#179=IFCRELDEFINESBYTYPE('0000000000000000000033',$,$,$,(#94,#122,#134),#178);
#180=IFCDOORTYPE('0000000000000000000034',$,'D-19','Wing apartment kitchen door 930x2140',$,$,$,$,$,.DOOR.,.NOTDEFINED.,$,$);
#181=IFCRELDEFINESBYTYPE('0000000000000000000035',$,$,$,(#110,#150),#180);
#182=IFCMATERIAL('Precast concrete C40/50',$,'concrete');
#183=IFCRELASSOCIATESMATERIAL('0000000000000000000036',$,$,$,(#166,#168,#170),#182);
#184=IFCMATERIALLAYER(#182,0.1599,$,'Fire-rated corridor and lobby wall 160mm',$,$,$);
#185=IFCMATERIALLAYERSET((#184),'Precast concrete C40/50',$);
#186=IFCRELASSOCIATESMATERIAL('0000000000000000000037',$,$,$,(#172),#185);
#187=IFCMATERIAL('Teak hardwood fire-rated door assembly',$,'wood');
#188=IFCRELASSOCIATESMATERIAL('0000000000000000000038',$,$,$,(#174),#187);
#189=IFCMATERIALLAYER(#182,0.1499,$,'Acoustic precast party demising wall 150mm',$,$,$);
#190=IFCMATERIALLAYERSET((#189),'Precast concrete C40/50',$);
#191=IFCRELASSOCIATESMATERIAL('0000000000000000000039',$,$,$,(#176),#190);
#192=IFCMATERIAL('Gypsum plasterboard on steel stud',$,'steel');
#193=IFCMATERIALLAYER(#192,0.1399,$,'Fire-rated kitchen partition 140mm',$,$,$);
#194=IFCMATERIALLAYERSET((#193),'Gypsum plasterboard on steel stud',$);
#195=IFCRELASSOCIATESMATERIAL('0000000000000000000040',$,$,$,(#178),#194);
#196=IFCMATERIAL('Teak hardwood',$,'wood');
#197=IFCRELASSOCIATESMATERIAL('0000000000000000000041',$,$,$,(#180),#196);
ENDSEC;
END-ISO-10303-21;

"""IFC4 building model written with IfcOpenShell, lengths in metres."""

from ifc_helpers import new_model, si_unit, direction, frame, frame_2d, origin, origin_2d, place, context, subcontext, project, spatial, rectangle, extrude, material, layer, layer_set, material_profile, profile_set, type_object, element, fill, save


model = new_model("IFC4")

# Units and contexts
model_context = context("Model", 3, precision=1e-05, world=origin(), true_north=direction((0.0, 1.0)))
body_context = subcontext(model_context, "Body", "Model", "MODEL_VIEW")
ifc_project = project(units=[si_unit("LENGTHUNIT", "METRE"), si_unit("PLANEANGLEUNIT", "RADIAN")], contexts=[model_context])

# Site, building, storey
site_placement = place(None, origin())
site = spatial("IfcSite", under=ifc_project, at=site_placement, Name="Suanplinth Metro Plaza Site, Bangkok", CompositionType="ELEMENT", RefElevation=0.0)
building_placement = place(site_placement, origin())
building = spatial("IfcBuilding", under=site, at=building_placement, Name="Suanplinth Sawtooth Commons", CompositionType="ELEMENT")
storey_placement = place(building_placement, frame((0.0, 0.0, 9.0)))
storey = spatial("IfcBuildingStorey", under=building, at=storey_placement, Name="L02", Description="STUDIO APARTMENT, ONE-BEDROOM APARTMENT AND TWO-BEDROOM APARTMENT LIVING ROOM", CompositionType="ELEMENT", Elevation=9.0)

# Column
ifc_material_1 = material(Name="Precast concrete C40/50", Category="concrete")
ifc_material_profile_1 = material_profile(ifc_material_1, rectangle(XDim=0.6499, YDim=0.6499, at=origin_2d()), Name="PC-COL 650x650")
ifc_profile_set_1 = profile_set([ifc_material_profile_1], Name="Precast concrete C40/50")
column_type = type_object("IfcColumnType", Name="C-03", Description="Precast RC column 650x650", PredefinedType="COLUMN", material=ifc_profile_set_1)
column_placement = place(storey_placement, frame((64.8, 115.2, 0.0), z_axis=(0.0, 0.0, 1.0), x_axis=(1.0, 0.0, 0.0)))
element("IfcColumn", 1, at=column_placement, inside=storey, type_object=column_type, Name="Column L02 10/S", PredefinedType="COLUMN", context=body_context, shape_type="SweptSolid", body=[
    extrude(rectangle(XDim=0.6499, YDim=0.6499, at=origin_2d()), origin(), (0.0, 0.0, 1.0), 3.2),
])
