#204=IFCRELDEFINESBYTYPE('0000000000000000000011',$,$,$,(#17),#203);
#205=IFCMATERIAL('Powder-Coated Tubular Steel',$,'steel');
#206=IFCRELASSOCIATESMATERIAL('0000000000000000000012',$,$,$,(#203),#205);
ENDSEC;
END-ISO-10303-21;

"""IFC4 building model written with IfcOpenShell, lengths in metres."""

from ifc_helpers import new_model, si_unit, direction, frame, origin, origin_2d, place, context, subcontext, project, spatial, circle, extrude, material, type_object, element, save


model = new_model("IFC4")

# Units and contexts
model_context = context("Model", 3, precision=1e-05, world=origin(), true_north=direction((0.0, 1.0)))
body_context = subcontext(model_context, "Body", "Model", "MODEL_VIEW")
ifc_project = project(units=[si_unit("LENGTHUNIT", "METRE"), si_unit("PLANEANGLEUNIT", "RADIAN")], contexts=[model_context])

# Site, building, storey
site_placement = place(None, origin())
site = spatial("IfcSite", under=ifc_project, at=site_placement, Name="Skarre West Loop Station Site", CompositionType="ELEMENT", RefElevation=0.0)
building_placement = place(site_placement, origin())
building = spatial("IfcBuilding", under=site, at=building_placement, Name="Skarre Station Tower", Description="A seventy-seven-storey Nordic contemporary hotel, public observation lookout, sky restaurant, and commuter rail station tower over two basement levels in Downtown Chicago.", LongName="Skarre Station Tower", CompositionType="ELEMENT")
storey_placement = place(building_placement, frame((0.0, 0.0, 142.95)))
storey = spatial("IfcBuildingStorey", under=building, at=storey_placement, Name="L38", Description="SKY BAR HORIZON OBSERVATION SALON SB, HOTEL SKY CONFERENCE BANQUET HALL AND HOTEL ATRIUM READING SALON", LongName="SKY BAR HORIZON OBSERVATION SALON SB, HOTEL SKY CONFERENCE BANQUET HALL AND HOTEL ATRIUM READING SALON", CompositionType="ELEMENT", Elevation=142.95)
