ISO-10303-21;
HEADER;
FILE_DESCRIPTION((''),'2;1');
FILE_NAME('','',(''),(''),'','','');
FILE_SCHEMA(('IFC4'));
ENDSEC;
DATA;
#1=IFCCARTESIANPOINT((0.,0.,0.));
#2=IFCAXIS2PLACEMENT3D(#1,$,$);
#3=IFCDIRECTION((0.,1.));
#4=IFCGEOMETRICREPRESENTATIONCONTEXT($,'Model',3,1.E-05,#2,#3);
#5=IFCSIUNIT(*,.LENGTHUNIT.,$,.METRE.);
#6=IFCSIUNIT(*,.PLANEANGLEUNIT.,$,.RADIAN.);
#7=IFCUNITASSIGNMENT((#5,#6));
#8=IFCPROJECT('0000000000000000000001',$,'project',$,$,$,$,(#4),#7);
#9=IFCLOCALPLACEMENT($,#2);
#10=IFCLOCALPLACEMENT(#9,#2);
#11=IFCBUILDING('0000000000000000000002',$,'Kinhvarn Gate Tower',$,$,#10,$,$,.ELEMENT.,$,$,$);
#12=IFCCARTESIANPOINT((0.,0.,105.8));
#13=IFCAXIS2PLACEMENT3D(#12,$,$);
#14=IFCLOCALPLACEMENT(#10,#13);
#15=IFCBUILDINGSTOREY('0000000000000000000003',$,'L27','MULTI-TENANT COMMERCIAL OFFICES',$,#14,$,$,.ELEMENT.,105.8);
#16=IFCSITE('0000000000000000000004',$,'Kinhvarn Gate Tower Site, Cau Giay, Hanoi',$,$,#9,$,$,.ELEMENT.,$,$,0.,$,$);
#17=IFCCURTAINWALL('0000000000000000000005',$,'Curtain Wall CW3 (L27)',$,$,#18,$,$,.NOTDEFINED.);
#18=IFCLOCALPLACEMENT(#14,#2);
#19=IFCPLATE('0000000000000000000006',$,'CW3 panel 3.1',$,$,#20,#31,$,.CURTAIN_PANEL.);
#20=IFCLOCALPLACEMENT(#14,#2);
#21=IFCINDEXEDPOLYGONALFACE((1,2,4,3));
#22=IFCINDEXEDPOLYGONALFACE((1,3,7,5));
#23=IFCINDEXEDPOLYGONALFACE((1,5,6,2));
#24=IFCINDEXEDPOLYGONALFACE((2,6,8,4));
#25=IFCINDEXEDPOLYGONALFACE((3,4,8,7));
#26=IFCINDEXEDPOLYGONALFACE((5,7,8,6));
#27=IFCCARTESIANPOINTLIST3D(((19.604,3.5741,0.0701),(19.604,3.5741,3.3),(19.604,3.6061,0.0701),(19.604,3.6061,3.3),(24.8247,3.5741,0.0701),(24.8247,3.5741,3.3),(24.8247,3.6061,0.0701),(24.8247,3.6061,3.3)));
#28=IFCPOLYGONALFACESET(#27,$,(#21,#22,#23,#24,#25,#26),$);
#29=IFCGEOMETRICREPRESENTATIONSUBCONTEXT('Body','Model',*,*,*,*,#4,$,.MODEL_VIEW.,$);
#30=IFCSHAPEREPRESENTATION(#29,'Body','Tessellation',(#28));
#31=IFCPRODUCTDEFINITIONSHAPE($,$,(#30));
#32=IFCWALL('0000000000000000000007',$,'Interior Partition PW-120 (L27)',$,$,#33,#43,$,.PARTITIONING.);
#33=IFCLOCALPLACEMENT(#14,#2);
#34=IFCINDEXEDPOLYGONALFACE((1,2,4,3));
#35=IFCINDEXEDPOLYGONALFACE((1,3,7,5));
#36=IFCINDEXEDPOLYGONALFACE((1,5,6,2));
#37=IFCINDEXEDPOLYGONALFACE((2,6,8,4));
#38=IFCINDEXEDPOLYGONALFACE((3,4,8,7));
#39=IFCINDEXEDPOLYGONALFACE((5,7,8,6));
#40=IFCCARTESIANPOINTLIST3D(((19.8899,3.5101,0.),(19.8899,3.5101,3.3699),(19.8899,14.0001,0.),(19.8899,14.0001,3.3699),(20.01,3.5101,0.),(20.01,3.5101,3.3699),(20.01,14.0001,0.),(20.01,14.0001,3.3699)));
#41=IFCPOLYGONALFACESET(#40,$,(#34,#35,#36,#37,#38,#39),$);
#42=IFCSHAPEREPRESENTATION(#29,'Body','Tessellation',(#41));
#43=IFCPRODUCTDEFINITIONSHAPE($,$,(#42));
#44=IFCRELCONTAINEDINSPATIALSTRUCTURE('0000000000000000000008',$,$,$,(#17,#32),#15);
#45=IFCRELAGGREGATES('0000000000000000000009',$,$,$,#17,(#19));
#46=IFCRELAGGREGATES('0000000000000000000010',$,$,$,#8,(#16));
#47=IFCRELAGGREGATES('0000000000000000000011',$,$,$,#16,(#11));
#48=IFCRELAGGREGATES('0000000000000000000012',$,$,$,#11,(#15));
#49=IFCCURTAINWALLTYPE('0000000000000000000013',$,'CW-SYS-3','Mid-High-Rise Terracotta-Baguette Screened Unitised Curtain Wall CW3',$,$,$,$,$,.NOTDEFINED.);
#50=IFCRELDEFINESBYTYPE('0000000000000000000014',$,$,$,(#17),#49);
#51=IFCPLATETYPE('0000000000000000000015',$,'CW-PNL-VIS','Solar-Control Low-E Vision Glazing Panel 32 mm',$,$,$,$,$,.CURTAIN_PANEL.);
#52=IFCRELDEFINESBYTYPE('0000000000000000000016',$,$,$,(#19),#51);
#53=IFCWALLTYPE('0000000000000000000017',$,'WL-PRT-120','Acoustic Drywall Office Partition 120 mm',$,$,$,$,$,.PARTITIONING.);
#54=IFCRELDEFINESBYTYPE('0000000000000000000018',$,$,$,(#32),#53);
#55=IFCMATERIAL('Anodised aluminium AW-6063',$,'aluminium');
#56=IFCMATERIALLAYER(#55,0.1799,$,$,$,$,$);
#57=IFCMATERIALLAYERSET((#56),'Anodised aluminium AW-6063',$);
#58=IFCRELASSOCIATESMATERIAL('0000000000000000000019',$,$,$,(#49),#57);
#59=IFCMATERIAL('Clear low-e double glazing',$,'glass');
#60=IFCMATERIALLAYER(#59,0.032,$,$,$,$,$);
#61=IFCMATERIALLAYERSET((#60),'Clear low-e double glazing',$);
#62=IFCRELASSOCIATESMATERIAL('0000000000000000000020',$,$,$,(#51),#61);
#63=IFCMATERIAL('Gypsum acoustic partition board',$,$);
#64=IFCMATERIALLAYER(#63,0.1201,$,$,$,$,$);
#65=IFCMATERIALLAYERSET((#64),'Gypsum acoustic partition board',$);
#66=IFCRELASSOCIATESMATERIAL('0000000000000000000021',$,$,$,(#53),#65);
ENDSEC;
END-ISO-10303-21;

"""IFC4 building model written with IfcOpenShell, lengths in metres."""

from ifc_helpers import new_model, si_unit, direction, frame, frame_2d, origin, origin_2d, place, context, subcontext, project, spatial, rectangle, extrude, material, layer, layer_set, type_object, element, aggregate, save


model = new_model("IFC4")

# Units and contexts
model_context = context("Model", 3, precision=1e-05, world=origin(), true_north=direction((0.0, 1.0)))
body_context = subcontext(model_context, "Body", "Model", "MODEL_VIEW")
ifc_project = project(units=[si_unit("LENGTHUNIT", "METRE"), si_unit("PLANEANGLEUNIT", "RADIAN")], contexts=[model_context])

# Site, building, storey
site_placement = place(None, origin())
site = spatial("IfcSite", under=ifc_project, at=site_placement, Name="Kinhvarn Gate Tower Site, Cau Giay, Hanoi", CompositionType="ELEMENT", RefElevation=0.0)
building_placement = place(site_placement, origin())
building = spatial("IfcBuilding", under=site, at=building_placement, Name="Kinhvarn Gate Tower", CompositionType="ELEMENT")
storey_placement = place(building_placement, frame((0.0, 0.0, 105.8)))
storey = spatial("IfcBuildingStorey", under=building, at=storey_placement, Name="L27", Description="MULTI-TENANT COMMERCIAL OFFICES", CompositionType="ELEMENT", Elevation=105.8)

# Curtain wall
ifc_material_1 = material(Name="Anodised aluminium AW-6063", Category="aluminium")
ifc_layer_1 = layer(ifc_material_1, 0.1799)
ifc_layer_set_1 = layer_set([ifc_layer_1], Name="Anodised aluminium AW-6063")
curtain_wall_type = type_object("IfcCurtainWallType", Name="CW-SYS-3", Description="Mid-High-Rise Terracotta-Baguette Screened Unitised Curtain Wall CW3", PredefinedType="NOTDEFINED", material=ifc_layer_set_1)
curtain_wall_placement = place(storey_placement, origin())
curtain_wall = element("IfcCurtainWall", 1, at=curtain_wall_placement, inside=storey, type_object=curtain_wall_type, Name="Curtain Wall CW3 (L27)", PredefinedType="NOTDEFINED")

# Plate
ifc_material_2 = material(Name="Clear low-e double glazing", Category="glass")
ifc_layer_2 = layer(ifc_material_2, 0.032)
ifc_layer_set_2 = layer_set([ifc_layer_2], Name="Clear low-e double glazing")
plate_type = type_object("IfcPlateType", Name="CW-PNL-VIS", Description="Solar-Control Low-E Vision Glazing Panel 32 mm", PredefinedType="CURTAIN_PANEL", material=ifc_layer_set_2)
plate_1_placement = place(storey_placement, frame((22.2144, 3.5901, 0.0701), z_axis=(0.0, 0.0, 1.0), x_axis=(1.0, 0.0, 0.0)))
plate_1 = element("IfcPlate", 2, at=plate_1_placement, type_object=plate_type, Name="CW3 panel 3.1", PredefinedType="CURTAIN_PANEL", context=body_context, shape_type="SweptSolid", body=[
    extrude(rectangle(XDim=5.2207, YDim=0.032, at=origin_2d()), origin(), (0.0, 0.0, 1.0), 3.23),
])
aggregate(curtain_wall, [plate_1])

# Wall
ifc_material_3 = material(Name="Gypsum acoustic partition board")
ifc_layer_3 = layer(ifc_material_3, 0.1201)
ifc_layer_set_3 = layer_set([ifc_layer_3], Name="Gypsum acoustic partition board")
wall_type = type_object("IfcWallType", Name="WL-PRT-120", Description="Acoustic Drywall Office Partition 120 mm", PredefinedType="PARTITIONING", material=ifc_layer_set_3)
wall_placement = place(storey_placement, frame((19.95, 3.51, 0.0), z_axis=(0.0, 0.0, 1.0), x_axis=(0.0, 1.0, 0.0)))
element("IfcWall", 3, at=wall_placement, inside=storey, type_object=wall_type, Name="Interior Partition PW-120 (L27)", PredefinedType="PARTITIONING", context=body_context, shape_type="SweptSolid", body=[
    extrude(rectangle(XDim=10.49, YDim=0.1201, at=frame_2d((5.2451, 0.0))), origin(), (0.0, 0.0, 1.0), 3.3699),
])

save(model, "model.ifc")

• What this task involves:
Using the listing above, return word for word each line from the one that has "#10=IFCLOCALPLACEMENT(#9,#2);" through the one that has "#26=IFCINDEXEDPOLYGONALFACE((5,7,8,6));", and no line outside that range.

• Result for this exercise:
#10=IFCLOCALPLACEMENT(#9,#2);
#11=IFCBUILDING('0000000000000000000002',$,'Kinhvarn Gate Tower',$,$,#10,$,$,.ELEMENT.,$,$,$);
#12=IFCCARTESIANPOINT((0.,0.,105.8));
#13=IFCAXIS2PLACEMENT3D(#12,$,$);
#14=IFCLOCALPLACEMENT(#10,#13);
#15=IFCBUILDINGSTOREY('0000000000000000000003',$,'L27','MULTI-TENANT COMMERCIAL OFFICES',$,#14,$,$,.ELEMENT.,105.8);
#16=IFCSITE('0000000000000000000004',$,'Kinhvarn Gate Tower Site, Cau Giay, Hanoi',$,$,#9,$,$,.ELEMENT.,$,$,0.,$,$);
#17=IFCCURTAINWALL('0000000000000000000005',$,'Curtain Wall CW3 (L27)',$,$,#18,$,$,.NOTDEFINED.);
#18=IFCLOCALPLACEMENT(#14,#2);
#19=IFCPLATE('0000000000000000000006',$,'CW3 panel 3.1',$,$,#20,#31,$,.CURTAIN_PANEL.);
#20=IFCLOCALPLACEMENT(#14,#2);
#21=IFCINDEXEDPOLYGONALFACE((1,2,4,3));
#22=IFCINDEXEDPOLYGONALFACE((1,3,7,5));
#23=IFCINDEXEDPOLYGONALFACE((1,5,6,2));
#24=IFCINDEXEDPOLYGONALFACE((2,6,8,4));
#25=IFCINDEXEDPOLYGONALFACE((3,4,8,7));
#26=IFCINDEXEDPOLYGONALFACE((5,7,8,6));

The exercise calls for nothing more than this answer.